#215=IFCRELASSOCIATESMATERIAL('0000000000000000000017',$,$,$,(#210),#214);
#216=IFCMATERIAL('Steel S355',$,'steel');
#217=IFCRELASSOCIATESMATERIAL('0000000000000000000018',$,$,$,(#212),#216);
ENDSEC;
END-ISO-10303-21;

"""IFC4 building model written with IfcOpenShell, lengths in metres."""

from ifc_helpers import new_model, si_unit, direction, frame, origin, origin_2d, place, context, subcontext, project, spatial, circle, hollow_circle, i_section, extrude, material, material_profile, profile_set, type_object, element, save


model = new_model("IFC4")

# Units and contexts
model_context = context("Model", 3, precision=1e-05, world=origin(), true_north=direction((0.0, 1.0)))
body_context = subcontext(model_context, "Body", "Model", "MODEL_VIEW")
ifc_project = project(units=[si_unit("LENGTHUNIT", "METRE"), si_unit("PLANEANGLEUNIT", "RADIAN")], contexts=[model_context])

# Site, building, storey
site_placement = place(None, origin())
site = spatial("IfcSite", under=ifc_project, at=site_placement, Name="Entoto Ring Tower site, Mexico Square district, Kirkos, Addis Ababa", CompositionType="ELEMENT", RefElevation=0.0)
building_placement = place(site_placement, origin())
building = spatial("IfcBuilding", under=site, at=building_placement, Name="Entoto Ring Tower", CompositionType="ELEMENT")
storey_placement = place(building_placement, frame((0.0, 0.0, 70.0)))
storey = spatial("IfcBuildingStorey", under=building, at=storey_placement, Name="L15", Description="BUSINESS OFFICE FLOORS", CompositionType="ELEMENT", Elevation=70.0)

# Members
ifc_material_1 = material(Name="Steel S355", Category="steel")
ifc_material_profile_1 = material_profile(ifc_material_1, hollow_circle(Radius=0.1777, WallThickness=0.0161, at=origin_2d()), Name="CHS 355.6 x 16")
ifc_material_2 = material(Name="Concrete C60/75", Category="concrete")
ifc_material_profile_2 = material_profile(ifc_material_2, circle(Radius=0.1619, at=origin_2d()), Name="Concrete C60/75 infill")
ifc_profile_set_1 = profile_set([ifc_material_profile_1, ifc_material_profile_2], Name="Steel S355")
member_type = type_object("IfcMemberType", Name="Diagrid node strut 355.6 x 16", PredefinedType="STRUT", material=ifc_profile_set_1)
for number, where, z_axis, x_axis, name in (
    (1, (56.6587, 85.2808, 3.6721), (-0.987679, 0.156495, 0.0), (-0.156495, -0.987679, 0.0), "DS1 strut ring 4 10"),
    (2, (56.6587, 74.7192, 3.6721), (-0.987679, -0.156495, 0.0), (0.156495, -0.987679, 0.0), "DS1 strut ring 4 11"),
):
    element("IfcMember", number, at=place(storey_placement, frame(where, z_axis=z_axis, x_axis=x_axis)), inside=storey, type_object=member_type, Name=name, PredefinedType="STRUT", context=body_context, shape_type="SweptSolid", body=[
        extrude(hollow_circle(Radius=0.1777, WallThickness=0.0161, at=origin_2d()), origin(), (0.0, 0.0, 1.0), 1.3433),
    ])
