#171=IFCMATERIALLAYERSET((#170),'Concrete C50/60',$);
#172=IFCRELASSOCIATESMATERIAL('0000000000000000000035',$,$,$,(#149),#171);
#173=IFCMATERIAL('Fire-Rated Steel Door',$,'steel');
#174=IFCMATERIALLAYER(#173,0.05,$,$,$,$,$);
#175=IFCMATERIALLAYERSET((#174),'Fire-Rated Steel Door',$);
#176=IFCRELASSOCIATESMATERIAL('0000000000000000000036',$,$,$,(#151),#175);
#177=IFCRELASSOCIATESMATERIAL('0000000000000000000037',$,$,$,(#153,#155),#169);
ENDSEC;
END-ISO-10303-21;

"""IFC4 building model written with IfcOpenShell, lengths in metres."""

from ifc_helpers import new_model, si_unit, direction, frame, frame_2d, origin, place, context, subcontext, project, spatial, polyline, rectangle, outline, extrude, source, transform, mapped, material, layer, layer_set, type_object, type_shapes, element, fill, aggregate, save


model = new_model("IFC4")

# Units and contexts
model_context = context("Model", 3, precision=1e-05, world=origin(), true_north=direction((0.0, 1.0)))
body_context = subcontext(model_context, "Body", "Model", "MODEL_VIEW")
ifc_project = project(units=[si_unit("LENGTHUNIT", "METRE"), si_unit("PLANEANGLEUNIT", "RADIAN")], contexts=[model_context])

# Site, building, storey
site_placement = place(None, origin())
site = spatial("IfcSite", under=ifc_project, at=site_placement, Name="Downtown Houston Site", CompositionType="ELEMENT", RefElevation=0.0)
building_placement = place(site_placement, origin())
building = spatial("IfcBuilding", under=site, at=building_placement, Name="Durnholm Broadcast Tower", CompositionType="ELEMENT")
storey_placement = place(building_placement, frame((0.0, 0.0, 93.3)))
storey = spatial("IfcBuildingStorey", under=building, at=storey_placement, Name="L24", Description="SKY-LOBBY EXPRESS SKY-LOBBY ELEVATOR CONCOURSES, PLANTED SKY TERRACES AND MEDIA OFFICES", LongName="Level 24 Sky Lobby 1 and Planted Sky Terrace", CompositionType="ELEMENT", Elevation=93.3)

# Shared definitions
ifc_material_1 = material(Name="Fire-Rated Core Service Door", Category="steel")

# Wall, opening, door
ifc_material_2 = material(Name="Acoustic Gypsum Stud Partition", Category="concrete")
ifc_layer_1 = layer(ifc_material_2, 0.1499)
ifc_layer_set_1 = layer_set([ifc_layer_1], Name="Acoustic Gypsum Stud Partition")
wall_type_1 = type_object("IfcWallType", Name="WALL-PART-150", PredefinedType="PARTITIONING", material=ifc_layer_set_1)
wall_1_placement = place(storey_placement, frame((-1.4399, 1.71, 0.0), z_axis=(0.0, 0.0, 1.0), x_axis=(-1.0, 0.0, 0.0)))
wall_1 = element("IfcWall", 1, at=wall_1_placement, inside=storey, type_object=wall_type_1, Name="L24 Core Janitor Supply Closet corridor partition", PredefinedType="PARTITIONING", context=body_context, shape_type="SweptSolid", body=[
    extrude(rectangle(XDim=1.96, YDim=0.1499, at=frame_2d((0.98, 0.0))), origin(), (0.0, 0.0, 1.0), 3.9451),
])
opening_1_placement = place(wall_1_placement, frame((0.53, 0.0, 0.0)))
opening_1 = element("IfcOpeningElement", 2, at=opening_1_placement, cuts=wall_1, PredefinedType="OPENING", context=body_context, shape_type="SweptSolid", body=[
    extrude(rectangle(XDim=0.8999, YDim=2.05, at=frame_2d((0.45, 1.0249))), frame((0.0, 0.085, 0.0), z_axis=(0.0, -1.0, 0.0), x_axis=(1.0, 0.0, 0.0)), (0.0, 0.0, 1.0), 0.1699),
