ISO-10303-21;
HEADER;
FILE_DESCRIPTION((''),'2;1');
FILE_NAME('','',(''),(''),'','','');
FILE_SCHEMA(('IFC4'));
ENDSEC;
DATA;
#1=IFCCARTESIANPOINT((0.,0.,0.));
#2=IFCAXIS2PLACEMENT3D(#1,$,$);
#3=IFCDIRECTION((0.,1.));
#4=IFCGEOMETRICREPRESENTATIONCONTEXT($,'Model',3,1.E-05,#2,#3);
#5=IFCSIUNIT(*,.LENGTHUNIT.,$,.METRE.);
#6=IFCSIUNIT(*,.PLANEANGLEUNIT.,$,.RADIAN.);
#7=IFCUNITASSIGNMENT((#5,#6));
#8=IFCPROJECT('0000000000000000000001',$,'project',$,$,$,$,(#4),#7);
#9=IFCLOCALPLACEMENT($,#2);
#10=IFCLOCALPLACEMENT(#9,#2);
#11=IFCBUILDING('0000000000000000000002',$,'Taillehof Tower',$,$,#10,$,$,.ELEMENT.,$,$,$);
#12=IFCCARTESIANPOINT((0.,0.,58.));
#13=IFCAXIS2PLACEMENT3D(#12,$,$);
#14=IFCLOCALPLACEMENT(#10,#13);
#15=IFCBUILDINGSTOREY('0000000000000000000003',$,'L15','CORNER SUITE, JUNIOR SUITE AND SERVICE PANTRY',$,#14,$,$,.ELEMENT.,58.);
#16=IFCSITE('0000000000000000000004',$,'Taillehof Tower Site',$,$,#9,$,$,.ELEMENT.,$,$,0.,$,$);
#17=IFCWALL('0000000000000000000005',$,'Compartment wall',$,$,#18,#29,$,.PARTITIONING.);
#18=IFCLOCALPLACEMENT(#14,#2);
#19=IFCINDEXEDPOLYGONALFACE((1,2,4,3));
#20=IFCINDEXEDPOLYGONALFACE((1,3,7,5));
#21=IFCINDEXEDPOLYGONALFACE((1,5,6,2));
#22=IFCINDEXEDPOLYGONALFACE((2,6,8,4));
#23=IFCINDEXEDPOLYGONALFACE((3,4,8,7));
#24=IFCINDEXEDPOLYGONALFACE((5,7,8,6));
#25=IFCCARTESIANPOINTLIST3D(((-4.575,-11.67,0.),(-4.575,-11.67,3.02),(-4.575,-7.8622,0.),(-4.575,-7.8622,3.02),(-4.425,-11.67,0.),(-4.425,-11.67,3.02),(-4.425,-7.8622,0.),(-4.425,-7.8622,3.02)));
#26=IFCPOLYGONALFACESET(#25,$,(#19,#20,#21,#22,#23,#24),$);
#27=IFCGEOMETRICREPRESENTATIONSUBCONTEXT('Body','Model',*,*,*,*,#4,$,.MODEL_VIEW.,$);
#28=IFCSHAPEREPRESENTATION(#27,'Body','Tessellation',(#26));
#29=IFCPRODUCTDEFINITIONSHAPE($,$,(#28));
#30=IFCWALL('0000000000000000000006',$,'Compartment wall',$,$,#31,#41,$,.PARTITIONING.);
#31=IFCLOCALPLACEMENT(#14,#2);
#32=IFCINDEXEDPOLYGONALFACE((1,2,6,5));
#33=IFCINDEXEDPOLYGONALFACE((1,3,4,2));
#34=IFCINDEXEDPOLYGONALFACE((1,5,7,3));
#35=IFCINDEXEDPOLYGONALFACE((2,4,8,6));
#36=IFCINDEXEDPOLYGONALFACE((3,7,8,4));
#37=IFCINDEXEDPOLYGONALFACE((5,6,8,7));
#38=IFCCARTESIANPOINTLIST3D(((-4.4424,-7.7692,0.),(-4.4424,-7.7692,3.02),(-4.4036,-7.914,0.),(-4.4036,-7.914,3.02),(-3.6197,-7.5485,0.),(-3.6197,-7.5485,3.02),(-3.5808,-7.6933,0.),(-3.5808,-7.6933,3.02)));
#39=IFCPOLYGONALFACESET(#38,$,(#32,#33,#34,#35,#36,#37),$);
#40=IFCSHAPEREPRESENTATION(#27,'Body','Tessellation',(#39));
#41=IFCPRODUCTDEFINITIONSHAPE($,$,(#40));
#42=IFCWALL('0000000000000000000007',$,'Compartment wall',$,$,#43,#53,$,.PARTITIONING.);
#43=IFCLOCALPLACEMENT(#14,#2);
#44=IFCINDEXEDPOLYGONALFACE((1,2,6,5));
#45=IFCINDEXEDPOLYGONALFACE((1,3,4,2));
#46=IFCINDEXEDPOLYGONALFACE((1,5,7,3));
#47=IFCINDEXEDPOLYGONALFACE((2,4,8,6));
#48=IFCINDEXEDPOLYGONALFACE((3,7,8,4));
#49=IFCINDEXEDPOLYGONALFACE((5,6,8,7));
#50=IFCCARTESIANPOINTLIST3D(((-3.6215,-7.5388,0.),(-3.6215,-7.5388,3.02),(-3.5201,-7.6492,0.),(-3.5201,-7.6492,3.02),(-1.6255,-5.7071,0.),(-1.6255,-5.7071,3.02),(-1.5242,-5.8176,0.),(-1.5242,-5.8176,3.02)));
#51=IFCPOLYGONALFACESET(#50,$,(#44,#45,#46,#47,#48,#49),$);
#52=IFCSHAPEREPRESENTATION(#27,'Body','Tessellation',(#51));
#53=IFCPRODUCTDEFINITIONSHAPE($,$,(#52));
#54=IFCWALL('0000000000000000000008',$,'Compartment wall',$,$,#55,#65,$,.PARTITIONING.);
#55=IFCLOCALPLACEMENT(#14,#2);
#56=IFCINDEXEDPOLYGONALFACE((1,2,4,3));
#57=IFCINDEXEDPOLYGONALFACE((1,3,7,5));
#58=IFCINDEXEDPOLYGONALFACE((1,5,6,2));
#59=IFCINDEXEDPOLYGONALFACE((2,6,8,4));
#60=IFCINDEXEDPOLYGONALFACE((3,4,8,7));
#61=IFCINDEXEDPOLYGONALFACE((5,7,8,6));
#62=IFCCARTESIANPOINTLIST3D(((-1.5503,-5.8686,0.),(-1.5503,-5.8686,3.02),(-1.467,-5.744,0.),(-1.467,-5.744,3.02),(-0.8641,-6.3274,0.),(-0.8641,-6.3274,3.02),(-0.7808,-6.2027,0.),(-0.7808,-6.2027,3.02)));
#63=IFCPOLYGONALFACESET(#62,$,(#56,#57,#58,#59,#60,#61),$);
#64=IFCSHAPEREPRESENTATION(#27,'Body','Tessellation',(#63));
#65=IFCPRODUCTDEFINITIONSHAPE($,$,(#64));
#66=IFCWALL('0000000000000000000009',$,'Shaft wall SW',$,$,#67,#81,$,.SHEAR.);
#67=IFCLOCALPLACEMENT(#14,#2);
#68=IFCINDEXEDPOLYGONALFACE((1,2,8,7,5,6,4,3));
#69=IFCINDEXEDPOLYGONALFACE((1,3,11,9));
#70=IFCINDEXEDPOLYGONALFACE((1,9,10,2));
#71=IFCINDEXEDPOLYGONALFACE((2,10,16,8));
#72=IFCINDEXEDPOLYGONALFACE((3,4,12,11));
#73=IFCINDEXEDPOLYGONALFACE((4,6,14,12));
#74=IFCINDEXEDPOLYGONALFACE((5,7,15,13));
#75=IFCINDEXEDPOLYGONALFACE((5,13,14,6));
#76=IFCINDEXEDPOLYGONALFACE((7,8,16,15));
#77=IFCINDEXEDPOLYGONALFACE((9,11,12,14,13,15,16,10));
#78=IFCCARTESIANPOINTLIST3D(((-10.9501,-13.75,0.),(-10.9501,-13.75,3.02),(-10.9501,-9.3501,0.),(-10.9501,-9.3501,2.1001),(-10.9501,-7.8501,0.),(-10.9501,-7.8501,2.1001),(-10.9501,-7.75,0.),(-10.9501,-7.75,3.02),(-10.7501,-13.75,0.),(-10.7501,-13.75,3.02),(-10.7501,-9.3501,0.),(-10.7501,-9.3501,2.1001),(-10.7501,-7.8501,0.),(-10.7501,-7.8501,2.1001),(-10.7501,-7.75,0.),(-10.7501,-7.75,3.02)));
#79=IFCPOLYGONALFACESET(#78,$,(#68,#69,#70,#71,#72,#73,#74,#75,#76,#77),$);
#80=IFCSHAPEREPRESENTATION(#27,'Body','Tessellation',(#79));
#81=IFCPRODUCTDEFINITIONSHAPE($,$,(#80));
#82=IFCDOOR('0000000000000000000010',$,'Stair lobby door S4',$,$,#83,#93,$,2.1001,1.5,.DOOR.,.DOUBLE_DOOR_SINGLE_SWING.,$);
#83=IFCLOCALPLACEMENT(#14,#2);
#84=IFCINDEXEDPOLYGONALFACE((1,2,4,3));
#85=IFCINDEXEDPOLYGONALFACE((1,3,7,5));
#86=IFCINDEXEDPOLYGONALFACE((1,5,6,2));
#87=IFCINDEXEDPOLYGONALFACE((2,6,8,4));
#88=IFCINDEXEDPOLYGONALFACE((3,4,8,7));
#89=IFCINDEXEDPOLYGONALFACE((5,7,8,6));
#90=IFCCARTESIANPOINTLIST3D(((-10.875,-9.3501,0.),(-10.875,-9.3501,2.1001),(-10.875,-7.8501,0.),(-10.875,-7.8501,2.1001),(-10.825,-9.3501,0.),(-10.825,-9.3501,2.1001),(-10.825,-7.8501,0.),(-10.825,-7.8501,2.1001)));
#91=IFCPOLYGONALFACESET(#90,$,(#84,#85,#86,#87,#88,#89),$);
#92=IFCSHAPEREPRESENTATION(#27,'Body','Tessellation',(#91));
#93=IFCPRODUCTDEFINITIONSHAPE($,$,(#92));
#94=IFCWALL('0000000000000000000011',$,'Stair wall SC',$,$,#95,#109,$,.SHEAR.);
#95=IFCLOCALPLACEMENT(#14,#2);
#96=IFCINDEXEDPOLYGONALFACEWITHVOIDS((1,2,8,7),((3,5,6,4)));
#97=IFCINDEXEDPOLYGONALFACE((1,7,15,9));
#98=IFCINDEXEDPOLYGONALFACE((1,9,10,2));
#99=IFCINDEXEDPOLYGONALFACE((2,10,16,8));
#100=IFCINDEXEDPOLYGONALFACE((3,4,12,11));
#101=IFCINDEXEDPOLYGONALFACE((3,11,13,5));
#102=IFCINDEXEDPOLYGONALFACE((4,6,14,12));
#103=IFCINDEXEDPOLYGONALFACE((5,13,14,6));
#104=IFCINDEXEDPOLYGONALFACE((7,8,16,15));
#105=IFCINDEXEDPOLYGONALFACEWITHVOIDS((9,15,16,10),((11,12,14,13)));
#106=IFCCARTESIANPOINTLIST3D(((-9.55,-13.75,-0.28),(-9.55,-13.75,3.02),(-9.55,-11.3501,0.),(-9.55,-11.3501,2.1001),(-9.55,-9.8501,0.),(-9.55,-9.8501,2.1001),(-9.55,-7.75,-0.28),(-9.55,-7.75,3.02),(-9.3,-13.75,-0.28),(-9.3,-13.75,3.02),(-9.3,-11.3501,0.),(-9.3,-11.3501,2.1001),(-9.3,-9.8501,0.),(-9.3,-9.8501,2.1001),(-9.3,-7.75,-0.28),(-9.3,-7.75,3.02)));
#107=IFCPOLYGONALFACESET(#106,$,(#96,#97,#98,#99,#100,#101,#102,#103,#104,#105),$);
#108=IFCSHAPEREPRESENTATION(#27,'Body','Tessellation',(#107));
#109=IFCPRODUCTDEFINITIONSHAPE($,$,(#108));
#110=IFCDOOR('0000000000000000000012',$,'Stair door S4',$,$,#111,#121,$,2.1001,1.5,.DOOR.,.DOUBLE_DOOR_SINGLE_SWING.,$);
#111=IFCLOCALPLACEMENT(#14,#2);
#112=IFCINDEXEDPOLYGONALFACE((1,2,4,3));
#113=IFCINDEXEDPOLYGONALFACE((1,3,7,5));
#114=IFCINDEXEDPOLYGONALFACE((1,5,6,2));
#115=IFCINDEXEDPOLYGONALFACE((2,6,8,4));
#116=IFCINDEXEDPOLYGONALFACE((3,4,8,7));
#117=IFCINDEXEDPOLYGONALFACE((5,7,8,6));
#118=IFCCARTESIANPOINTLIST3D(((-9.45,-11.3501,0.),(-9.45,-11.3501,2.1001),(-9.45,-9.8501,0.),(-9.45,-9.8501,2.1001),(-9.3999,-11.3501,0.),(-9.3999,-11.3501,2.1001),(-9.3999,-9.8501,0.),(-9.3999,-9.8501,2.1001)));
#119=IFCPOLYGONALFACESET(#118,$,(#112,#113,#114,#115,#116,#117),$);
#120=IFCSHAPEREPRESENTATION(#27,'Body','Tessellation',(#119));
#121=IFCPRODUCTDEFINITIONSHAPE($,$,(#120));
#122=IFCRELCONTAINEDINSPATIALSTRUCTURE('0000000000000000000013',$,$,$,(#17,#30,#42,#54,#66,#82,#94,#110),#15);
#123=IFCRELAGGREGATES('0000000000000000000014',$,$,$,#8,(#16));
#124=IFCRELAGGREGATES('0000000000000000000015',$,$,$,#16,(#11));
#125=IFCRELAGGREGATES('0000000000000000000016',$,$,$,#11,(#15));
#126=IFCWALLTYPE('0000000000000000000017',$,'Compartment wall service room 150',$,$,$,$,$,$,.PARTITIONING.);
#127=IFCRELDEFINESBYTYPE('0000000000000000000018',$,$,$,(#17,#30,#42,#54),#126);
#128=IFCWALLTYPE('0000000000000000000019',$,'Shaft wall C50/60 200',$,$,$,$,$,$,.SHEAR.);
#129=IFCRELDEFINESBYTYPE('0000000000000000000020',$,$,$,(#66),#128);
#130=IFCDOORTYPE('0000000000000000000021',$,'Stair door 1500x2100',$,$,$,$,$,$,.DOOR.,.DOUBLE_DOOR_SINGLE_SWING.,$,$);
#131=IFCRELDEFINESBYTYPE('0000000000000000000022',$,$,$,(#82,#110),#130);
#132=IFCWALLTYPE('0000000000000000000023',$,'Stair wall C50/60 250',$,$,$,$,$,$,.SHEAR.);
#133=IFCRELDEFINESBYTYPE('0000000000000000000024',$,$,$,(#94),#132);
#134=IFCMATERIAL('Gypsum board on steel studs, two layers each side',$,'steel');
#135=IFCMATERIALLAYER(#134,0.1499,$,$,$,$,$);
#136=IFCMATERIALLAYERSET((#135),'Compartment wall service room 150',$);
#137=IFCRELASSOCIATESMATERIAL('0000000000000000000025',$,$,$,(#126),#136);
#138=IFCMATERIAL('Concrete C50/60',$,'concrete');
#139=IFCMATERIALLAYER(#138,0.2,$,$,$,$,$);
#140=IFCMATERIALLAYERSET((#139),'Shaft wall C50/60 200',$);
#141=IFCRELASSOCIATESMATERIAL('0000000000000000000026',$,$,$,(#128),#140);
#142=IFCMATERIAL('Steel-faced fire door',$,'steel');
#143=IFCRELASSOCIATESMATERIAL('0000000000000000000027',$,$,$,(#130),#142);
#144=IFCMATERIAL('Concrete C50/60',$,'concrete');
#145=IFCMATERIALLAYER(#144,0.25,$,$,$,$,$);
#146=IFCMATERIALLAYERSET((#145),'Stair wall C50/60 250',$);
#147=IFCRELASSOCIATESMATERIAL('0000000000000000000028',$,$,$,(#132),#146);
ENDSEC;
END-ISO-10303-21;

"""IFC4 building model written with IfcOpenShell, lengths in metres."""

from ifc_helpers import new_model, si_unit, direction, frame, frame_2d, origin, place, context, subcontext, project, spatial, rectangle, extrude, material, layer, layer_set, type_object, element, fill, save


model = new_model("IFC4")

# Units and contexts
model_context = context("Model", 3, precision=1e-05, world=origin(), true_north=direction((0.0, 1.0)))
body_context = subcontext(model_context, "Body", "Model", "MODEL_VIEW")
ifc_project = project(units=[si_unit("LENGTHUNIT", "METRE"), si_unit("PLANEANGLEUNIT", "RADIAN")], contexts=[model_context])

# Site, building, storey
site_placement = place(None, origin())
site = spatial("IfcSite", under=ifc_project, at=site_placement, Name="Taillehof Tower Site", CompositionType="ELEMENT", RefElevation=0.0)
building_placement = place(site_placement, origin())
building = spatial("IfcBuilding", under=site, at=building_placement, Name="Taillehof Tower", CompositionType="ELEMENT")
storey_placement = place(building_placement, frame((0.0, 0.0, 58.0)))
storey = spatial("IfcBuildingStorey", under=building, at=storey_placement, Name="L15", Description="CORNER SUITE, JUNIOR SUITE AND SERVICE PANTRY", CompositionType="ELEMENT", Elevation=58.0)

# Walls
ifc_material_1 = material(Name="Gypsum board on steel studs, two layers each side", Category="steel")
ifc_layer_1 = layer(ifc_material_1, 0.1499)
ifc_layer_set_1 = layer_set([ifc_layer_1], Name="Compartment wall service room 150")
wall_type_1 = type_object("IfcWallType", Name="Compartment wall service room 150", PredefinedType="PARTITIONING", material=ifc_layer_set_1)
wall_1_placement = place(storey_placement, frame((-4.5, -11.6699, 0.0), z_axis=(0.0, 0.0, 1.0), x_axis=(0.0, 1.0, 0.0)))
element("IfcWall", 1, at=wall_1_placement, inside=storey, type_object=wall_type_1, Name="Compartment wall", PredefinedType="PARTITIONING", context=body_context, shape_type="SweptSolid", body=[
    extrude(rectangle(XDim=3.8079, YDim=0.1499, at=frame_2d((1.9038, 0.0))), origin(), (0.0, 0.0, 1.0), 3.02),
])
wall_2_placement = place(storey_placement, frame((-4.4229, -7.8416, 0.0), z_axis=(0.0, 0.0, 1.0), x_axis=(0.965853, 0.259089, 0.0)))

+===+

## EXERCISE AIM
Give back the opening line of the records above and every line after it, up to and including the one with "Tower site, Mexico", unchanged.

## YOUR SOLUTION
#215=IFCRELASSOCIATESMATERIAL('0000000000000000000017',$,$,$,(#210),#214);
#216=IFCMATERIAL('Steel S355',$,'steel');
#217=IFCRELASSOCIATESMATERIAL('0000000000000000000018',$,$,$,(#212),#216);
ENDSEC;
END-ISO-10303-21;

"""IFC4 building model written with IfcOpenShell, lengths in metres."""

from ifc_helpers import new_model, si_unit, direction, frame, origin, origin_2d, place, context, subcontext, project, spatial, circle, hollow_circle, i_section, extrude, material, material_profile, profile_set, type_object, element, save


model = new_model("IFC4")

# Units and contexts
model_context = context("Model", 3, precision=1e-05, world=origin(), true_north=direction((0.0, 1.0)))
body_context = subcontext(model_context, "Body", "Model", "MODEL_VIEW")
ifc_project = project(units=[si_unit("LENGTHUNIT", "METRE"), si_unit("PLANEANGLEUNIT", "RADIAN")], contexts=[model_context])

# Site, building, storey
site_placement = place(None, origin())
site = spatial("IfcSite", under=ifc_project, at=site_placement, Name="Entoto Ring Tower site, Mexico Square district, Kirkos, Addis Ababa", CompositionType="ELEMENT", RefElevation=0.0)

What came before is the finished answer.